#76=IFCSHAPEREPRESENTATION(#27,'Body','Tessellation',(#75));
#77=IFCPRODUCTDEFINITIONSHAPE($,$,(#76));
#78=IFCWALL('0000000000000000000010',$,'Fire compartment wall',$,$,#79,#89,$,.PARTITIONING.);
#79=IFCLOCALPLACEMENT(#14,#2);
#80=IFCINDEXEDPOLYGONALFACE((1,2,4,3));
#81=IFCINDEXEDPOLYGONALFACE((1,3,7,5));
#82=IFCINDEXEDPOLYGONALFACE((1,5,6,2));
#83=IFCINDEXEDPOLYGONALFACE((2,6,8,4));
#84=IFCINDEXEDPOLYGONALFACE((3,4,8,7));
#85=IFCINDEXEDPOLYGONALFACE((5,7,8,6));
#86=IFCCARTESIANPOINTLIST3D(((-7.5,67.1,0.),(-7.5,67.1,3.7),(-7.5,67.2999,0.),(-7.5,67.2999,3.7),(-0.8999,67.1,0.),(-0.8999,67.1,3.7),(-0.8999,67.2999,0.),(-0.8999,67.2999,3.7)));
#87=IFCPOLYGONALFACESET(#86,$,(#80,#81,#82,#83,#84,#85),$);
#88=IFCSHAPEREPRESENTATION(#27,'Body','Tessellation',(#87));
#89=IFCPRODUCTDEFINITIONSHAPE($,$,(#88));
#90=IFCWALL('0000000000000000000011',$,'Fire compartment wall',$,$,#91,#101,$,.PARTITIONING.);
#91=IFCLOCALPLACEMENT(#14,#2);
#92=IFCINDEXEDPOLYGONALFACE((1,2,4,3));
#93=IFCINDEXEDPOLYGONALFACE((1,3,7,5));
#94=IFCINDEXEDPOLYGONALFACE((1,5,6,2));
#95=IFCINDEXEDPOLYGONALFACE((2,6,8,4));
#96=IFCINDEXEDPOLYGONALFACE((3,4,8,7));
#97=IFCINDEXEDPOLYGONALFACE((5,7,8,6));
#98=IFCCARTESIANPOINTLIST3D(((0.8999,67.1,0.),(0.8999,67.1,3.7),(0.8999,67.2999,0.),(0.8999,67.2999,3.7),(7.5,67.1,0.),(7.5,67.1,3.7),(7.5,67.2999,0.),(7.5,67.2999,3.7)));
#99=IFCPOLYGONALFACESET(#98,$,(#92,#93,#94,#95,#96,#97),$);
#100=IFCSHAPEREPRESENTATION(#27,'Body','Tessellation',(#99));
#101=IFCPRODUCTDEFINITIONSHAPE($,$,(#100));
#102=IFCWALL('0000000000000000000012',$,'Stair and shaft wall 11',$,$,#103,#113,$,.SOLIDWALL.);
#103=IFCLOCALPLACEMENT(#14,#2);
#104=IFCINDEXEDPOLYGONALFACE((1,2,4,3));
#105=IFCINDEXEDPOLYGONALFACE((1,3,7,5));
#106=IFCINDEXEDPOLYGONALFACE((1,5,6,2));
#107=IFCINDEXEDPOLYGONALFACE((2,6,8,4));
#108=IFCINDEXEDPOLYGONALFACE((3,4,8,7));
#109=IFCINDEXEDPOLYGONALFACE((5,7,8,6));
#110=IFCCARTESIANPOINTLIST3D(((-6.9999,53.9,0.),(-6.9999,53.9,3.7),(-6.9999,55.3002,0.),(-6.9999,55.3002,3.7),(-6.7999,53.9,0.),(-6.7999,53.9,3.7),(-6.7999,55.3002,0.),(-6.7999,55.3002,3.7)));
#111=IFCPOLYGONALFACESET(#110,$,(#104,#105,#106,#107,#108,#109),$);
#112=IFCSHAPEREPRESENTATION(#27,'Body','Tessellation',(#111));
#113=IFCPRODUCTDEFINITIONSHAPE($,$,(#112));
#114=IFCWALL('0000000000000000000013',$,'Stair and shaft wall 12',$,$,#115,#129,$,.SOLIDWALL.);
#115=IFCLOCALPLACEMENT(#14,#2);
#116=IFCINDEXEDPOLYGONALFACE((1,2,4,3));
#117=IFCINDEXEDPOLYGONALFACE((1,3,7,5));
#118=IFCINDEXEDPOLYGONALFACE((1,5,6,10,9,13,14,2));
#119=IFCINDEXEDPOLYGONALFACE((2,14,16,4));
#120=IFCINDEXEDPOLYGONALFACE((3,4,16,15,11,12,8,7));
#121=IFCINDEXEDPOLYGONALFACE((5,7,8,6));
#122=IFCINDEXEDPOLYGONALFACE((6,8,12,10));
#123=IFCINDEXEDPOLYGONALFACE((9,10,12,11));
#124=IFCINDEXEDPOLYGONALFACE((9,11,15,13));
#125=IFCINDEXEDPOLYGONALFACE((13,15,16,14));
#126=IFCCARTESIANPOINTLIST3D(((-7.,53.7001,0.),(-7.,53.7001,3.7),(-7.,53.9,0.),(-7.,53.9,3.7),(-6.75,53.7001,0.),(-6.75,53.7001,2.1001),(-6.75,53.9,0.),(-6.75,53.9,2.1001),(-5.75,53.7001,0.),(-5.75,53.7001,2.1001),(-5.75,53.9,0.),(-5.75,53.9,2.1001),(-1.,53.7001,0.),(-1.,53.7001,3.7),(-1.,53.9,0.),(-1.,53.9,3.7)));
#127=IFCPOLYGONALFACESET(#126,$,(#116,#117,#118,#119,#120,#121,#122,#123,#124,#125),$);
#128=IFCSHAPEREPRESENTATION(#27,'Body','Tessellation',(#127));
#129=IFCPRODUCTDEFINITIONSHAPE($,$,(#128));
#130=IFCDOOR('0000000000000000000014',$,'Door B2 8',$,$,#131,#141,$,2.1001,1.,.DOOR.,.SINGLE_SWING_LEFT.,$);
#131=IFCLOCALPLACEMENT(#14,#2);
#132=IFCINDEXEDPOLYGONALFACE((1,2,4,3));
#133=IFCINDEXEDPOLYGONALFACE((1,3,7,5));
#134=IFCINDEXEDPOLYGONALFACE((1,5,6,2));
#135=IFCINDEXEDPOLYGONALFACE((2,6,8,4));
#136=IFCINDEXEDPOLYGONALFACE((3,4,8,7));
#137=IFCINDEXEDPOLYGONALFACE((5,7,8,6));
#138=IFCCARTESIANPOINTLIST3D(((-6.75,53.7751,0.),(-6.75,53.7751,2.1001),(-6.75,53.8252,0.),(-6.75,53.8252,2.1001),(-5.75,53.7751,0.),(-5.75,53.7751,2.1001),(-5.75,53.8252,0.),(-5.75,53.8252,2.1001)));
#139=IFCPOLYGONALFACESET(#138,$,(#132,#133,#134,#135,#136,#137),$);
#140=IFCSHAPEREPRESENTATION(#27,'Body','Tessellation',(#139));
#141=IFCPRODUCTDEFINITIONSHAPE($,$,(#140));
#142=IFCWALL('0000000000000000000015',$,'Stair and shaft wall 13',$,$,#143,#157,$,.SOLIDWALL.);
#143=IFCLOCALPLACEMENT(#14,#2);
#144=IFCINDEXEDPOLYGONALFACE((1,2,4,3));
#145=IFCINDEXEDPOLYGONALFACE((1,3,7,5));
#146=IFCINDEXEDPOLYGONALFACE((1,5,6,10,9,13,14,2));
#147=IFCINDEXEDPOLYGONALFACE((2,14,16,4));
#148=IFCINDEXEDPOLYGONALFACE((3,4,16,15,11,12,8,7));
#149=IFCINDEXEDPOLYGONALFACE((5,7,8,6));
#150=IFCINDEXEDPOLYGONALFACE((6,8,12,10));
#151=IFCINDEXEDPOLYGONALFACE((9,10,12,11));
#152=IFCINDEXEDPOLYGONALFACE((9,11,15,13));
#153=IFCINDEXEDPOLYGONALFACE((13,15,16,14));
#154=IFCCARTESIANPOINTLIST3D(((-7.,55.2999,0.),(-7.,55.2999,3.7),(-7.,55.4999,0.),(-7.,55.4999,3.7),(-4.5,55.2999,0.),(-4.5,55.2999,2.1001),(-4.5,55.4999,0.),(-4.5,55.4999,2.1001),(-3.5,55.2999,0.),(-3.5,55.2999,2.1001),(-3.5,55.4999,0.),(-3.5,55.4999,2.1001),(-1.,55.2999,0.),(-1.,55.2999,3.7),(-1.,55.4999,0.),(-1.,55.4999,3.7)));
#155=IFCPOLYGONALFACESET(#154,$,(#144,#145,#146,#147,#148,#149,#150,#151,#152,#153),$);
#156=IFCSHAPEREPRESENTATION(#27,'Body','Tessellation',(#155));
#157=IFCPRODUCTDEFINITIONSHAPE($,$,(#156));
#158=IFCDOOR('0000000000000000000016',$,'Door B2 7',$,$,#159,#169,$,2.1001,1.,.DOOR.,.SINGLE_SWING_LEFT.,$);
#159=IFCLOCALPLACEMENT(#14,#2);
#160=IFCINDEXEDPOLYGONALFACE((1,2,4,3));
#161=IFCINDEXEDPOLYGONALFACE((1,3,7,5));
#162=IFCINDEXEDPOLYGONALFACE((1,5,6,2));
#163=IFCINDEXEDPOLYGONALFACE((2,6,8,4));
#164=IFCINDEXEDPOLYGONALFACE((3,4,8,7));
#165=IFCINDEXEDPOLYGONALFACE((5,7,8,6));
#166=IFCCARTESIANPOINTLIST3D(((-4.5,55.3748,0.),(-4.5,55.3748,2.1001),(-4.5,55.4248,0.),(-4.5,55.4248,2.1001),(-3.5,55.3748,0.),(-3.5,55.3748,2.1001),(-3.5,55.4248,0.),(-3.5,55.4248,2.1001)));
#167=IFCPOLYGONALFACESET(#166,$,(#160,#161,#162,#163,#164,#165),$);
..............................
- **BRIEF**:
Using the entries above, repeat only the lines from the one containing "#150=IFCINDEXEDPOLYGONALFACE((6,8,12,10));" through the one containing "#153=IFCINDEXEDPOLYGONALFACE((13,15,16,14));", end lines included.

- **ANSWER AREA**:
#150=IFCINDEXEDPOLYGONALFACE((6,8,12,10));
#151=IFCINDEXEDPOLYGONALFACE((9,10,12,11));
#152=IFCINDEXEDPOLYGONALFACE((9,11,15,13));
#153=IFCINDEXEDPOLYGONALFACE((13,15,16,14));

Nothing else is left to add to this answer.